■ DATA PROVIDED
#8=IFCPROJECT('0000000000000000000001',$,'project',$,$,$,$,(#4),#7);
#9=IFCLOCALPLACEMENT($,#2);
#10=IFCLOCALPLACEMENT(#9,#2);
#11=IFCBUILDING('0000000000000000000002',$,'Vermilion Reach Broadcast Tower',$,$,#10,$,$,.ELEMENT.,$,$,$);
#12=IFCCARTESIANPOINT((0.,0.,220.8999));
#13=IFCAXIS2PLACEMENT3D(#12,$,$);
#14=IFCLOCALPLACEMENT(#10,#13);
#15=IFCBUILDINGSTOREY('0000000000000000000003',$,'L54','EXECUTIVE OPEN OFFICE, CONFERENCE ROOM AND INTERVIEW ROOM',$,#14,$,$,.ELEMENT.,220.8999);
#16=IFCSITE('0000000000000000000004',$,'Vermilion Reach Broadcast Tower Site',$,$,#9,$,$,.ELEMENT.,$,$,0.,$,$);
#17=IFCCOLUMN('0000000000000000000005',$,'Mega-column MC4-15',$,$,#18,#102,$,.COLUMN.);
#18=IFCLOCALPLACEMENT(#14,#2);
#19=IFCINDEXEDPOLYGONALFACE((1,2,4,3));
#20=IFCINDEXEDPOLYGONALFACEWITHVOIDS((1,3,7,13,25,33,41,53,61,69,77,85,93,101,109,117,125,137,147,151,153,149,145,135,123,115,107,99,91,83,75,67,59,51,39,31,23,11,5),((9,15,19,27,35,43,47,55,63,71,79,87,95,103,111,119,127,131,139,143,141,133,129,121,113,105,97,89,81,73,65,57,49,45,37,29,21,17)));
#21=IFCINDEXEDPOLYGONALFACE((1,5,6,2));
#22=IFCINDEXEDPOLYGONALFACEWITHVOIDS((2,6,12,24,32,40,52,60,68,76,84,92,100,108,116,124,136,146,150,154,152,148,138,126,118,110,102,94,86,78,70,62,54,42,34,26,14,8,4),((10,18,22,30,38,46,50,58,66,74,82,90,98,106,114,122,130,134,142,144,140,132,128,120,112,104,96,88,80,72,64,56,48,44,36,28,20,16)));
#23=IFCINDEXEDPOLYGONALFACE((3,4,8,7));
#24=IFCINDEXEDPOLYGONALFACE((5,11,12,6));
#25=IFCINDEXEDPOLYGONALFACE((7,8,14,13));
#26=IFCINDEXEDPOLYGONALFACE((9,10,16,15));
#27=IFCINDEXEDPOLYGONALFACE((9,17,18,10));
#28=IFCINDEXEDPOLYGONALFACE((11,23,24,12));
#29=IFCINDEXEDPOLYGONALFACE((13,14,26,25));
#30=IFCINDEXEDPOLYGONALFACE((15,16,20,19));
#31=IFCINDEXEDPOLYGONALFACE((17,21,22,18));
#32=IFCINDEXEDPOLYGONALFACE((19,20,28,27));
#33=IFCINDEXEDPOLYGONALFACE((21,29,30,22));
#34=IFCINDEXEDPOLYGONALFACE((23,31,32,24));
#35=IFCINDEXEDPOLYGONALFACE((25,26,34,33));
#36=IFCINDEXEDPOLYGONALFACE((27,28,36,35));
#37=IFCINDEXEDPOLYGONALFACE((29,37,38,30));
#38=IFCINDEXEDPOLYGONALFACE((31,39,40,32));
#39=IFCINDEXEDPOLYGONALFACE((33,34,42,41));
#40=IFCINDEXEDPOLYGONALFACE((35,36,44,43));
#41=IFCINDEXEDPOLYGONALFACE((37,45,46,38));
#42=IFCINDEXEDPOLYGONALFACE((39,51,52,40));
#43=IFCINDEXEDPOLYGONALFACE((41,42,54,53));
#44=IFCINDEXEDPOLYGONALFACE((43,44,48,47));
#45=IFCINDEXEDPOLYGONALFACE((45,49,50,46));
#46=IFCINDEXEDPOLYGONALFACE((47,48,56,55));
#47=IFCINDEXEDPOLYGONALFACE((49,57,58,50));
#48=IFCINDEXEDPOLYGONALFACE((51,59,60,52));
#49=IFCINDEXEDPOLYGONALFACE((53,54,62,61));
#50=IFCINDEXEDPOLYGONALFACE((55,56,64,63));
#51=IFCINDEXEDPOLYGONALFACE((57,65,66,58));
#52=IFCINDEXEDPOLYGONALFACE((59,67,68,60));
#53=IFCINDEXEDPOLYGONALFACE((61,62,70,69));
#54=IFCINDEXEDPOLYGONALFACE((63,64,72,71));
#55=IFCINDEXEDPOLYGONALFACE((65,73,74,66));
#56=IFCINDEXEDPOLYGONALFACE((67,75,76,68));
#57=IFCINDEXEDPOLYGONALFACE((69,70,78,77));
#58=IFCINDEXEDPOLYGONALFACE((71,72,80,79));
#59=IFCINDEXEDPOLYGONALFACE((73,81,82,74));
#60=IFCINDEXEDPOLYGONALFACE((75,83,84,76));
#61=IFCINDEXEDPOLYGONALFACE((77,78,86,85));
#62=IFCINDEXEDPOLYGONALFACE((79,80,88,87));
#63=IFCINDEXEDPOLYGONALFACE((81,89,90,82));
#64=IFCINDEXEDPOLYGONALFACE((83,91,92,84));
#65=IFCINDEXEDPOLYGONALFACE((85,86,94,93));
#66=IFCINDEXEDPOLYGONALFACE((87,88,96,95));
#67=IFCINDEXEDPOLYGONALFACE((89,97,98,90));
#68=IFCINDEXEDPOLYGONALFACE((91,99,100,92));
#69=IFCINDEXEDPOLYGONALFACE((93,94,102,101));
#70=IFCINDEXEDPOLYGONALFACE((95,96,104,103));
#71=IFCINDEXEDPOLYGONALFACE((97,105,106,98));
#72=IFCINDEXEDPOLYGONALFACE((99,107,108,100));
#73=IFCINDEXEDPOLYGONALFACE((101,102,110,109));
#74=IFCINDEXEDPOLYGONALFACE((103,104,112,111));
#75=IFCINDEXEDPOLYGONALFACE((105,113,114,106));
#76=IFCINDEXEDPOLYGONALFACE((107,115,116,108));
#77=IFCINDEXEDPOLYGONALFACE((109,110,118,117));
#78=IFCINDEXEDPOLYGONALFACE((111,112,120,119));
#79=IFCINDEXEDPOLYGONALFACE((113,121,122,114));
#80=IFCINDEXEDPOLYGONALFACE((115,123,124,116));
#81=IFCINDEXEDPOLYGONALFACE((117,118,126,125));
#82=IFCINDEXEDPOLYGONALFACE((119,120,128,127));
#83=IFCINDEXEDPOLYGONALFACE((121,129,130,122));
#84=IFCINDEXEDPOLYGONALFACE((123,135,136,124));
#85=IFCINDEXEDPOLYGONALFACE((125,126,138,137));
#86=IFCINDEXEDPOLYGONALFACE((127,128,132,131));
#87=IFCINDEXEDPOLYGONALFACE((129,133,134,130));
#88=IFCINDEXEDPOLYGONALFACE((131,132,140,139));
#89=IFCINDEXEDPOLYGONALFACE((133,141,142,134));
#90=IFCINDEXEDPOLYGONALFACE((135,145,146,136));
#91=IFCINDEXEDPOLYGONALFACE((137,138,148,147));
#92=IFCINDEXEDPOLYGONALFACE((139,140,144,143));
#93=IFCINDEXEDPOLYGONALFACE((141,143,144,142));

■ TASK INSTRUCTIONS
Word for word, restate the material above.

■ TASK SOLUTION
#8=IFCPROJECT('0000000000000000000001',$,'project',$,$,$,$,(#4),#7);
#9=IFCLOCALPLACEMENT($,#2);
#10=IFCLOCALPLACEMENT(#9,#2);
#11=IFCBUILDING('0000000000000000000002',$,'Vermilion Reach Broadcast Tower',$,$,#10,$,$,.ELEMENT.,$,$,$);
#12=IFCCARTESIANPOINT((0.,0.,220.8999));
#13=IFCAXIS2PLACEMENT3D(#12,$,$);
#14=IFCLOCALPLACEMENT(#10,#13);
#15=IFCBUILDINGSTOREY('0000000000000000000003',$,'L54','EXECUTIVE OPEN OFFICE, CONFERENCE ROOM AND INTERVIEW ROOM',$,#14,$,$,.ELEMENT.,220.8999);
#16=IFCSITE('0000000000000000000004',$,'Vermilion Reach Broadcast Tower Site',$,$,#9,$,$,.ELEMENT.,$,$,0.,$,$);
#17=IFCCOLUMN('0000000000000000000005',$,'Mega-column MC4-15',$,$,#18,#102,$,.COLUMN.);
#18=IFCLOCALPLACEMENT(#14,#2);
#19=IFCINDEXEDPOLYGONALFACE((1,2,4,3));
#20=IFCINDEXEDPOLYGONALFACEWITHVOIDS((1,3,7,13,25,33,41,53,61,69,77,85,93,101,109,117,125,137,147,151,153,149,145,135,123,115,107,99,91,83,75,67,59,51,39,31,23,11,5),((9,15,19,27,35,43,47,55,63,71,79,87,95,103,111,119,127,131,139,143,141,133,129,121,113,105,97,89,81,73,65,57,49,45,37,29,21,17)));
#21=IFCINDEXEDPOLYGONALFACE((1,5,6,2));
#22=IFCINDEXEDPOLYGONALFACEWITHVOIDS((2,6,12,24,32,40,52,60,68,76,84,92,100,108,116,124,136,146,150,154,152,148,138,126,118,110,102,94,86,78,70,62,54,42,34,26,14,8,4),((10,18,22,30,38,46,50,58,66,74,82,90,98,106,114,122,130,134,142,144,140,132,128,120,112,104,96,88,80,72,64,56,48,44,36,28,20,16)));
#23=IFCINDEXEDPOLYGONALFACE((3,4,8,7));
#24=IFCINDEXEDPOLYGONALFACE((5,11,12,6));
#25=IFCINDEXEDPOLYGONALFACE((7,8,14,13));
#26=IFCINDEXEDPOLYGONALFACE((9,10,16,15));
#27=IFCINDEXEDPOLYGONALFACE((9,17,18,10));
#28=IFCINDEXEDPOLYGONALFACE((11,23,24,12));
#29=IFCINDEXEDPOLYGONALFACE((13,14,26,25));
#30=IFCINDEXEDPOLYGONALFACE((15,16,20,19));
#31=IFCINDEXEDPOLYGONALFACE((17,21,22,18));
#32=IFCINDEXEDPOLYGONALFACE((19,20,28,27));
#33=IFCINDEXEDPOLYGONALFACE((21,29,30,22));
#34=IFCINDEXEDPOLYGONALFACE((23,31,32,24));
#35=IFCINDEXEDPOLYGONALFACE((25,26,34,33));
#36=IFCINDEXEDPOLYGONALFACE((27,28,36,35));
#37=IFCINDEXEDPOLYGONALFACE((29,37,38,30));
#38=IFCINDEXEDPOLYGONALFACE((31,39,40,32));
#39=IFCINDEXEDPOLYGONALFACE((33,34,42,41));
#40=IFCINDEXEDPOLYGONALFACE((35,36,44,43));
#41=IFCINDEXEDPOLYGONALFACE((37,45,46,38));
#42=IFCINDEXEDPOLYGONALFACE((39,51,52,40));
#43=IFCINDEXEDPOLYGONALFACE((41,42,54,53));
#44=IFCINDEXEDPOLYGONALFACE((43,44,48,47));
#45=IFCINDEXEDPOLYGONALFACE((45,49,50,46));
#46=IFCINDEXEDPOLYGONALFACE((47,48,56,55));
#47=IFCINDEXEDPOLYGONALFACE((49,57,58,50));
#48=IFCINDEXEDPOLYGONALFACE((51,59,60,52));
#49=IFCINDEXEDPOLYGONALFACE((53,54,62,61));
#50=IFCINDEXEDPOLYGONALFACE((55,56,64,63));
#51=IFCINDEXEDPOLYGONALFACE((57,65,66,58));
#52=IFCINDEXEDPOLYGONALFACE((59,67,68,60));
#53=IFCINDEXEDPOLYGONALFACE((61,62,70,69));
#54=IFCINDEXEDPOLYGONALFACE((63,64,72,71));
#55=IFCINDEXEDPOLYGONALFACE((65,73,74,66));
#56=IFCINDEXEDPOLYGONALFACE((67,75,76,68));
#57=IFCINDEXEDPOLYGONALFACE((69,70,78,77));
#58=IFCINDEXEDPOLYGONALFACE((71,72,80,79));
#59=IFCINDEXEDPOLYGONALFACE((73,81,82,74));
#60=IFCINDEXEDPOLYGONALFACE((75,83,84,76));
#61=IFCINDEXEDPOLYGONALFACE((77,78,86,85));
#62=IFCINDEXEDPOLYGONALFACE((79,80,88,87));
#63=IFCINDEXEDPOLYGONALFACE((81,89,90,82));
#64=IFCINDEXEDPOLYGONALFACE((83,91,92,84));
#65=IFCINDEXEDPOLYGONALFACE((85,86,94,93));
#66=IFCINDEXEDPOLYGONALFACE((87,88,96,95));
#67=IFCINDEXEDPOLYGONALFACE((89,97,98,90));
#68=IFCINDEXEDPOLYGONALFACE((91,99,100,92));
#69=IFCINDEXEDPOLYGONALFACE((93,94,102,101));
#70=IFCINDEXEDPOLYGONALFACE((95,96,104,103));
#71=IFCINDEXEDPOLYGONALFACE((97,105,106,98));
#72=IFCINDEXEDPOLYGONALFACE((99,107,108,100));
#73=IFCINDEXEDPOLYGONALFACE((101,102,110,109));
#74=IFCINDEXEDPOLYGONALFACE((103,104,112,111));
#75=IFCINDEXEDPOLYGONALFACE((105,113,114,106));
#76=IFCINDEXEDPOLYGONALFACE((107,115,116,108));
#77=IFCINDEXEDPOLYGONALFACE((109,110,118,117));
#78=IFCINDEXEDPOLYGONALFACE((111,112,120,119));
#79=IFCINDEXEDPOLYGONALFACE((113,121,122,114));
#80=IFCINDEXEDPOLYGONALFACE((115,123,124,116));
#81=IFCINDEXEDPOLYGONALFACE((117,118,126,125));
#82=IFCINDEXEDPOLYGONALFACE((119,120,128,127));
#83=IFCINDEXEDPOLYGONALFACE((121,129,130,122));
#84=IFCINDEXEDPOLYGONALFACE((123,135,136,124));
#85=IFCINDEXEDPOLYGONALFACE((125,126,138,137));
#86=IFCINDEXEDPOLYGONALFACE((127,128,132,131));
#87=IFCINDEXEDPOLYGONALFACE((129,133,134,130));
#88=IFCINDEXEDPOLYGONALFACE((131,132,140,139));
#89=IFCINDEXEDPOLYGONALFACE((133,141,142,134));
#90=IFCINDEXEDPOLYGONALFACE((135,145,146,136));
#91=IFCINDEXEDPOLYGONALFACE((137,138,148,147));
#92=IFCINDEXEDPOLYGONALFACE((139,140,144,143));
#93=IFCINDEXEDPOLYGONALFACE((141,143,144,142));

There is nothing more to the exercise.